[Material for this task — start]

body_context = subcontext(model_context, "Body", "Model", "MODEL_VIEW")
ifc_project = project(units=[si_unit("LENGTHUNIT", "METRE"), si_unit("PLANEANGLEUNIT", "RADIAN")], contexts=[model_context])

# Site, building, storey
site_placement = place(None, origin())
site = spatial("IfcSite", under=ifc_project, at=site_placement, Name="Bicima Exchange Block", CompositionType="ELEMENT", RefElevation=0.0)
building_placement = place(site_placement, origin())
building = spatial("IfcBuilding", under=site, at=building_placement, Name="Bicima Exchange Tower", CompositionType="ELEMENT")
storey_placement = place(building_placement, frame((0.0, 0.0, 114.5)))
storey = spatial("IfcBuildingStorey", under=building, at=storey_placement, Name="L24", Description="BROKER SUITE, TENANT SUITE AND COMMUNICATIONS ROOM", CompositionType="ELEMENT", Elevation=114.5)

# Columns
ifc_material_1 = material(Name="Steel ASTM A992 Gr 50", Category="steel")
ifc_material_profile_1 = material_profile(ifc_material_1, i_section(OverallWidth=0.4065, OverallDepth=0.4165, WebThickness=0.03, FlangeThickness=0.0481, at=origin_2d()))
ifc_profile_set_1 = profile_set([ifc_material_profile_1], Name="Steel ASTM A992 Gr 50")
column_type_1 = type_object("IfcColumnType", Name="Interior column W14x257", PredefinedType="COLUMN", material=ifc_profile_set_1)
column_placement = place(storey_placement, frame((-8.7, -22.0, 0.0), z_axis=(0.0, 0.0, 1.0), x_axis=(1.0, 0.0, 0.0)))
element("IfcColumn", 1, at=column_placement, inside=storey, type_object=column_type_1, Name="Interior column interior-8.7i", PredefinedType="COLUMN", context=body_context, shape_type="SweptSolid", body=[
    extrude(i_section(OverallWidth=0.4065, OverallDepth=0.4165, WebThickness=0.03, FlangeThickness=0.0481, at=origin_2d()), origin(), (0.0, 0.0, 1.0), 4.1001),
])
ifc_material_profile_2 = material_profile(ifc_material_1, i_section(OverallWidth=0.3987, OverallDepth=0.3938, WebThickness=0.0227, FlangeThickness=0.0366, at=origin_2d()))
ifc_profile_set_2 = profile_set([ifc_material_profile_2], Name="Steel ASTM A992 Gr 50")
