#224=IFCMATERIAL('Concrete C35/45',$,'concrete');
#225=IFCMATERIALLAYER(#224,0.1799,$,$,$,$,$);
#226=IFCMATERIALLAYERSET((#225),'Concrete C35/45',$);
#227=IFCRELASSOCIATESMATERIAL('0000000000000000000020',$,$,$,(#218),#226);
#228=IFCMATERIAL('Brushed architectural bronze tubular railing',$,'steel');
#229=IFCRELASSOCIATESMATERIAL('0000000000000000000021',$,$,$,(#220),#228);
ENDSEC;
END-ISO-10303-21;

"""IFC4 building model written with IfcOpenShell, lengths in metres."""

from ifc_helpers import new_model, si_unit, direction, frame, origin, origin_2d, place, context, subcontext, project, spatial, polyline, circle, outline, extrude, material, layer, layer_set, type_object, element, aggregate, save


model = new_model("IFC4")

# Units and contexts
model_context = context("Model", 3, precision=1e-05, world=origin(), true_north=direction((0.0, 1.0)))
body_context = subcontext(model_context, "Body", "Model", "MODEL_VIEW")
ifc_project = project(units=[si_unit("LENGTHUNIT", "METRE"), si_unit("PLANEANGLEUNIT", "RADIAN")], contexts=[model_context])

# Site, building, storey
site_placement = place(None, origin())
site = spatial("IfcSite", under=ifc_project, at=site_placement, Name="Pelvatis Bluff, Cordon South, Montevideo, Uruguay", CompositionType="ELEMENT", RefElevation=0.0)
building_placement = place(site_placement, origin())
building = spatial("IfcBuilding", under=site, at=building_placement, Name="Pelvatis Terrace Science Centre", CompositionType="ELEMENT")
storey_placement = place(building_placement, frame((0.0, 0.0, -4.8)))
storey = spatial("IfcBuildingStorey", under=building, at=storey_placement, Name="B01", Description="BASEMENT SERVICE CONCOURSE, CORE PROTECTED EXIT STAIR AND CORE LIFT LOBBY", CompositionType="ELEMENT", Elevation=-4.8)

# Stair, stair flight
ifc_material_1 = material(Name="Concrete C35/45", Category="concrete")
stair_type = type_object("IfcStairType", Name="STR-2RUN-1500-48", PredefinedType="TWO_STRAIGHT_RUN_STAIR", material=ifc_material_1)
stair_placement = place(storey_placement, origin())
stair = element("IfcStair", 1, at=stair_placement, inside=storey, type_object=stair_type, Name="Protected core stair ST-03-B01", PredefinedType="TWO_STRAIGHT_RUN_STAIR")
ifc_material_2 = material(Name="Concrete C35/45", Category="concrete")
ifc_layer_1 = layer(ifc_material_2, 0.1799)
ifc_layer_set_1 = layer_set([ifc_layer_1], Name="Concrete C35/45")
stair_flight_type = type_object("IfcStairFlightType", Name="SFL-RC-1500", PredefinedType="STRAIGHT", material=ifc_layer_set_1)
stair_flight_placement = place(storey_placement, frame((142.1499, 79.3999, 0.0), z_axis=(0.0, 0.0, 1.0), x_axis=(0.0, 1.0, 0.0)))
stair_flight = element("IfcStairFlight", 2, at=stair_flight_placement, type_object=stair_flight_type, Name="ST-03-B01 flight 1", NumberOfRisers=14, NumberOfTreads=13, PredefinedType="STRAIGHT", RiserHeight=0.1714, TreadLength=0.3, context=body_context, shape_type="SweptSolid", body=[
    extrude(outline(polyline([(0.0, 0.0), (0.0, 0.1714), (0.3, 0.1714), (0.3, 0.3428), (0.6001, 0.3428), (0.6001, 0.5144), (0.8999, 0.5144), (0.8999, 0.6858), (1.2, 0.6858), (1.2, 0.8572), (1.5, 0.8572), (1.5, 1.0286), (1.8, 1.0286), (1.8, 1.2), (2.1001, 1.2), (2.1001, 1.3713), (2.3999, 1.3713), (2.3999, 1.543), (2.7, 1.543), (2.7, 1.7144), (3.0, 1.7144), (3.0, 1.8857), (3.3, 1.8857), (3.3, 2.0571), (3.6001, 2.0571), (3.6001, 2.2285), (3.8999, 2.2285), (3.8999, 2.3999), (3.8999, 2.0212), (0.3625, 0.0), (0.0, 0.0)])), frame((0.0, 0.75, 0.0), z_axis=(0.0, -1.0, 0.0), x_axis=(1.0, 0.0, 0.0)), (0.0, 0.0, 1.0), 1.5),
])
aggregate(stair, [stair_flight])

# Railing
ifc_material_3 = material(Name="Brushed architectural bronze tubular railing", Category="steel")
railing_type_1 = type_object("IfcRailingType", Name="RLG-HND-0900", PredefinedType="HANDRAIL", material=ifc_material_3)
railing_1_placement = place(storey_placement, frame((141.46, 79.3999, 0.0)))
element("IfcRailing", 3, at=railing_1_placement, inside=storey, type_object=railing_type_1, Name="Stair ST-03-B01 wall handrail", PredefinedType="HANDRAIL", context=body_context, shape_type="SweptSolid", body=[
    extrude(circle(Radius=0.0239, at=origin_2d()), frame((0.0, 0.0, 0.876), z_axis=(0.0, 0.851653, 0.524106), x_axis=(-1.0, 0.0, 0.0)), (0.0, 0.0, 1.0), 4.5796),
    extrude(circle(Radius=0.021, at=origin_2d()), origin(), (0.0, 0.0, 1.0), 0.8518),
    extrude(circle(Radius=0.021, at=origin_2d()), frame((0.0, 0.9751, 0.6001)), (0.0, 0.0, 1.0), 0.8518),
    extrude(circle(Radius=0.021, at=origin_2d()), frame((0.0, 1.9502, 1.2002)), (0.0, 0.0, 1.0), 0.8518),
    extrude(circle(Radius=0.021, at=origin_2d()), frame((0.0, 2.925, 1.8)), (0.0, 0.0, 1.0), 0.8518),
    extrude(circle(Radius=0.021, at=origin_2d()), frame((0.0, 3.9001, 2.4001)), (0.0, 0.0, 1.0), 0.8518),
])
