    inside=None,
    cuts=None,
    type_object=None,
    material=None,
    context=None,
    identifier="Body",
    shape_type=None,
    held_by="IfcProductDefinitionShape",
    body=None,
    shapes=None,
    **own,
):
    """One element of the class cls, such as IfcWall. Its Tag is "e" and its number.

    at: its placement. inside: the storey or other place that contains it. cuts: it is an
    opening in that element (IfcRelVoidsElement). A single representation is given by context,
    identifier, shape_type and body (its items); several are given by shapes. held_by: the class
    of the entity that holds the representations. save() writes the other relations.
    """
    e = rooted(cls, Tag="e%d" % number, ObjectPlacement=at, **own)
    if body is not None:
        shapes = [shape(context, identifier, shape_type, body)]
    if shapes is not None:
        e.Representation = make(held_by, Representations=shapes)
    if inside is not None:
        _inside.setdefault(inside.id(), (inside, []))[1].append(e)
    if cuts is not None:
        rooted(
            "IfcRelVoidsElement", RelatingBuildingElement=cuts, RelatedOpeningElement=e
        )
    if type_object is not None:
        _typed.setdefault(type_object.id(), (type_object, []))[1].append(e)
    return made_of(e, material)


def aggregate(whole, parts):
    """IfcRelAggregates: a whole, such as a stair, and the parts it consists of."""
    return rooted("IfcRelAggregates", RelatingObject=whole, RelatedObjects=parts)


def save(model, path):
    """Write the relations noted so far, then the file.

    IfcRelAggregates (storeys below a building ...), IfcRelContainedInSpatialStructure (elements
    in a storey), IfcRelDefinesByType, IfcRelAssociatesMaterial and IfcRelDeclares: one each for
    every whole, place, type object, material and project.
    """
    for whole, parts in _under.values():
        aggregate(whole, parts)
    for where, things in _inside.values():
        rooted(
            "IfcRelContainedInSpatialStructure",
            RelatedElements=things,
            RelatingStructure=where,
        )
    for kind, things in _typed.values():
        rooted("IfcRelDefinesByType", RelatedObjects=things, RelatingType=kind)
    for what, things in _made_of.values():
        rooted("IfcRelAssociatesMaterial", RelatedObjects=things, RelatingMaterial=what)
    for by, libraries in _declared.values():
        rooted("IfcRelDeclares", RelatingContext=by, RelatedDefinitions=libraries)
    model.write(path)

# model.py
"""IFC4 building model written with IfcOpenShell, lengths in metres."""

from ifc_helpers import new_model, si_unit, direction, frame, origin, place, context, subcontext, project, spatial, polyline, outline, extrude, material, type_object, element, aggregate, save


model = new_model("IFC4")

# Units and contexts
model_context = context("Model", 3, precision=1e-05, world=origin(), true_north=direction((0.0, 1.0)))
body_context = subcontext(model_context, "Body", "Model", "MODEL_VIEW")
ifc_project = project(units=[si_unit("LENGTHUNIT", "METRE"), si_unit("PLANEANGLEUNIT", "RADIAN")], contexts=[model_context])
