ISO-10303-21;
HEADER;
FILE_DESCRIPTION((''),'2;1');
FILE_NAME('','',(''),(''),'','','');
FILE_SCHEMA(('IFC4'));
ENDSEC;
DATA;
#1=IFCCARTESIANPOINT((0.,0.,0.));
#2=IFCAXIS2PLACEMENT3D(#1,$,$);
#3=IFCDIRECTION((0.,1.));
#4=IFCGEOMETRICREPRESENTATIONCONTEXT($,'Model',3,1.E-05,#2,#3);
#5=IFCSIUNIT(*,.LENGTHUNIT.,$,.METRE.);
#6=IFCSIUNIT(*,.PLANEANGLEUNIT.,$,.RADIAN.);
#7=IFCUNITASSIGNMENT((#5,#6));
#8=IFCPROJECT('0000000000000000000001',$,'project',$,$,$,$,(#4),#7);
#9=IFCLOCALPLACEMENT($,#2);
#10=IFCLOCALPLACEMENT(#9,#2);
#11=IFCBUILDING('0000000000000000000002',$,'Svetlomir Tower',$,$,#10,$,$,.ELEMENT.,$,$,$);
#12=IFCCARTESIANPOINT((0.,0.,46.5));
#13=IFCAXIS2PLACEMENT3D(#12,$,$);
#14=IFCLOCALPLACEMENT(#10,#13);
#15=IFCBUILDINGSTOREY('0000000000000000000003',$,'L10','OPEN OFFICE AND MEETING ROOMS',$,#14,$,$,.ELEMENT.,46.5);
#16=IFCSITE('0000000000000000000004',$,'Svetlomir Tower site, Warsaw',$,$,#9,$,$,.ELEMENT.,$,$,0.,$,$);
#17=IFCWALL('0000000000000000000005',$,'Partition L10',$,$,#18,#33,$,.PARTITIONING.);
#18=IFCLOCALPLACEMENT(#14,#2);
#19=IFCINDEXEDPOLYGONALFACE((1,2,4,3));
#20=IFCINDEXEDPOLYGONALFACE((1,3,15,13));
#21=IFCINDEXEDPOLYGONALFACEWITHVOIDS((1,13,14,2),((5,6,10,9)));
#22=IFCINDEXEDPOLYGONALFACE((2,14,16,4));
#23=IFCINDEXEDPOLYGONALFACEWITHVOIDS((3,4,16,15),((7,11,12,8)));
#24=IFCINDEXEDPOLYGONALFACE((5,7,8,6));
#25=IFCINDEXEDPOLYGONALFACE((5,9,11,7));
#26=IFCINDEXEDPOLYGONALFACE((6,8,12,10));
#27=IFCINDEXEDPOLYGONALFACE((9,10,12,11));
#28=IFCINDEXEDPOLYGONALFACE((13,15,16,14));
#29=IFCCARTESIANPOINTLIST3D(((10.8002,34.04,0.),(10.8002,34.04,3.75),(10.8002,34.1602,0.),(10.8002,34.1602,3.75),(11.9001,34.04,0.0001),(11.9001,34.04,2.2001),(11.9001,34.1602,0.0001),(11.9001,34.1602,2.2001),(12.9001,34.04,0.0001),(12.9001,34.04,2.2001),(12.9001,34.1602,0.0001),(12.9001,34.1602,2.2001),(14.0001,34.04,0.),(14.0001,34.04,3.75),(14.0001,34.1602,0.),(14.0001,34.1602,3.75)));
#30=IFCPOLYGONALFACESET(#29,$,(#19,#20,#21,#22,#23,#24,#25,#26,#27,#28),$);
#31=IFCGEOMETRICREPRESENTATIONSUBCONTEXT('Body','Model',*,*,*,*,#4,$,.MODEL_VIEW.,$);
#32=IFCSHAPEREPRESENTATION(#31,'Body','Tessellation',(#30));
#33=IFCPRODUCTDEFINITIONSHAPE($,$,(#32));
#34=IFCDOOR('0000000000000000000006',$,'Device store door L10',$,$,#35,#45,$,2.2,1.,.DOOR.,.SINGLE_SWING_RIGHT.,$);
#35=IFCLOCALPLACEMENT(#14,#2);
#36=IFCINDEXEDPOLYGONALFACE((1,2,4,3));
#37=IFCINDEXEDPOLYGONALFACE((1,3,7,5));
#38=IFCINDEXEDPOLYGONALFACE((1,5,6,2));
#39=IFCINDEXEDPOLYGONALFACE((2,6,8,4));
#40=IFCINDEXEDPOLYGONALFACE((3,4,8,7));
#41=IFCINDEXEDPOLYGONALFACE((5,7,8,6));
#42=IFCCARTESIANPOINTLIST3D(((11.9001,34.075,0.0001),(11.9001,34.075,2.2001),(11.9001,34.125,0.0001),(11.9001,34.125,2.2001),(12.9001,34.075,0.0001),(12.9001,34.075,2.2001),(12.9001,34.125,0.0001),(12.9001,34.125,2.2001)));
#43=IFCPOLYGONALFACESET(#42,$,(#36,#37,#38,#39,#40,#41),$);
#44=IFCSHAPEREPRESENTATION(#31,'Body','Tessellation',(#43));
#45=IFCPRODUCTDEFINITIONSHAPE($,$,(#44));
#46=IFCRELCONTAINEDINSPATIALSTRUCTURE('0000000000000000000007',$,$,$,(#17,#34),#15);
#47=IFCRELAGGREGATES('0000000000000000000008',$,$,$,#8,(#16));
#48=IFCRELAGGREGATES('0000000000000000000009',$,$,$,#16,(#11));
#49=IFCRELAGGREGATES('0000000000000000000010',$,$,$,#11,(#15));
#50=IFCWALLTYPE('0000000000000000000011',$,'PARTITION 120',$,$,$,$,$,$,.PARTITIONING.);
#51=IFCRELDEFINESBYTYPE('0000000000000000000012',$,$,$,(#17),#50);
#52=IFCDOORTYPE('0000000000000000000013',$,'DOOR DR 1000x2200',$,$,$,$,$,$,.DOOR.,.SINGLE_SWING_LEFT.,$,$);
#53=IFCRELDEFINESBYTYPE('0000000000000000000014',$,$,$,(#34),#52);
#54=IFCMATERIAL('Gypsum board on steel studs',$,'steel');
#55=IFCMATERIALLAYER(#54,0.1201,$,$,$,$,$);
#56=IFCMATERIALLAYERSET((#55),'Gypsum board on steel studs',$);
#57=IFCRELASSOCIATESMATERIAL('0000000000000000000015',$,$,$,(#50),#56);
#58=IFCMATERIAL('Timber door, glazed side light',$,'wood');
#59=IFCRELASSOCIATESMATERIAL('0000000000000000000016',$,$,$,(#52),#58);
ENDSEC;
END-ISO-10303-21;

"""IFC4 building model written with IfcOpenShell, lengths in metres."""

from ifc_helpers import new_model, si_unit, direction, frame, frame_2d, origin, place, context, subcontext, project, spatial, rectangle, extrude, material, layer, layer_set, type_object, element, fill, save


model = new_model("IFC4")

# Units and contexts
model_context = context("Model", 3, precision=1e-05, world=origin(), true_north=direction((0.0, 1.0)))
body_context = subcontext(model_context, "Body", "Model", "MODEL_VIEW")
ifc_project = project(units=[si_unit("LENGTHUNIT", "METRE"), si_unit("PLANEANGLEUNIT", "RADIAN")], contexts=[model_context])

# Site, building, storey
site_placement = place(None, origin())
site = spatial("IfcSite", under=ifc_project, at=site_placement, Name="Svetlomir Tower site, Warsaw", CompositionType="ELEMENT", RefElevation=0.0)
building_placement = place(site_placement, origin())
building = spatial("IfcBuilding", under=site, at=building_placement, Name="Svetlomir Tower", CompositionType="ELEMENT")
storey_placement = place(building_placement, frame((0.0, 0.0, 46.5)))
storey = spatial("IfcBuildingStorey", under=building, at=storey_placement, Name="L10", Description="OPEN OFFICE AND MEETING ROOMS", CompositionType="ELEMENT", Elevation=46.5)

# Shared definitions
ifc_material_1 = material(Name="Gypsum board on steel studs", Category="steel")
ifc_layer_1 = layer(ifc_material_1, 0.1201)
ifc_layer_set_1 = layer_set([ifc_layer_1], Name="Gypsum board on steel studs")
wall_type_1 = type_object("IfcWallType", Name="PARTITION 120", PredefinedType="PARTITIONING", material=ifc_layer_set_1)

# Shared definitions
ifc_material_2 = material(Name="Timber door, glazed side light", Category="wood")
door_type_1 = type_object("IfcDoorType", Name="DOOR DR 1000x2200", OperationType="SINGLE_SWING_LEFT", PredefinedType="DOOR", material=ifc_material_2)

# Wall, opening, door
wall_1_placement = place(storey_placement, frame((10.8, 34.1001, 0.0), z_axis=(0.0, 0.0, 1.0), x_axis=(1.0, 0.0, 0.0)))
wall_1 = element("IfcWall", 1, at=wall_1_placement, inside=storey, type_object=wall_type_1, Name="Partition L10", PredefinedType="PARTITIONING", context=body_context, shape_type="SweptSolid", body=[
    extrude(rectangle(XDim=3.2, YDim=0.1201, at=frame_2d((1.6001, 0.0))), origin(), (0.0, 0.0, 1.0), 3.75),
])
opening_1_placement = place(wall_1_placement, frame((1.1001, 0.0, 0.0)))
opening_1 = element("IfcOpeningElement", 2, at=opening_1_placement, cuts=wall_1, PredefinedType="OPENING", context=body_context, shape_type="SweptSolid", body=[
    extrude(rectangle(XDim=1.0, YDim=2.2, at=frame_2d((0.5, 1.1001))), frame((0.0, 0.0701, 0.0), z_axis=(0.0, -1.0, 0.0), x_axis=(1.0, 0.0, 0.0)), (0.0, 0.0, 1.0), 0.1401),
])
door_1_placement = place(opening_1_placement, origin())
door_1 = element("IfcDoor", 3, at=door_1_placement, inside=storey, type_object=door_type_1, Name="Device store door L10", OperationType="SINGLE_SWING_RIGHT", OverallHeight=2.2, OverallWidth=1.0, PredefinedType="DOOR", context=body_context, shape_type="SweptSolid", body=[
    extrude(rectangle(XDim=1.0, YDim=2.2, at=frame_2d((0.5, 1.1001))), frame((0.0, 0.0249, 0.0), z_axis=(0.0, -1.0, 0.0), x_axis=(1.0, 0.0, 0.0)), (0.0, 0.0, 1.0), 0.05),
])
fill(opening_1, door_1)

save(model, "model.ifc")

[Material for this task — finish]

### Action item
Among the lines in the data above, find those containing "HANDRAIL" and give only how many there are.

### Reply
2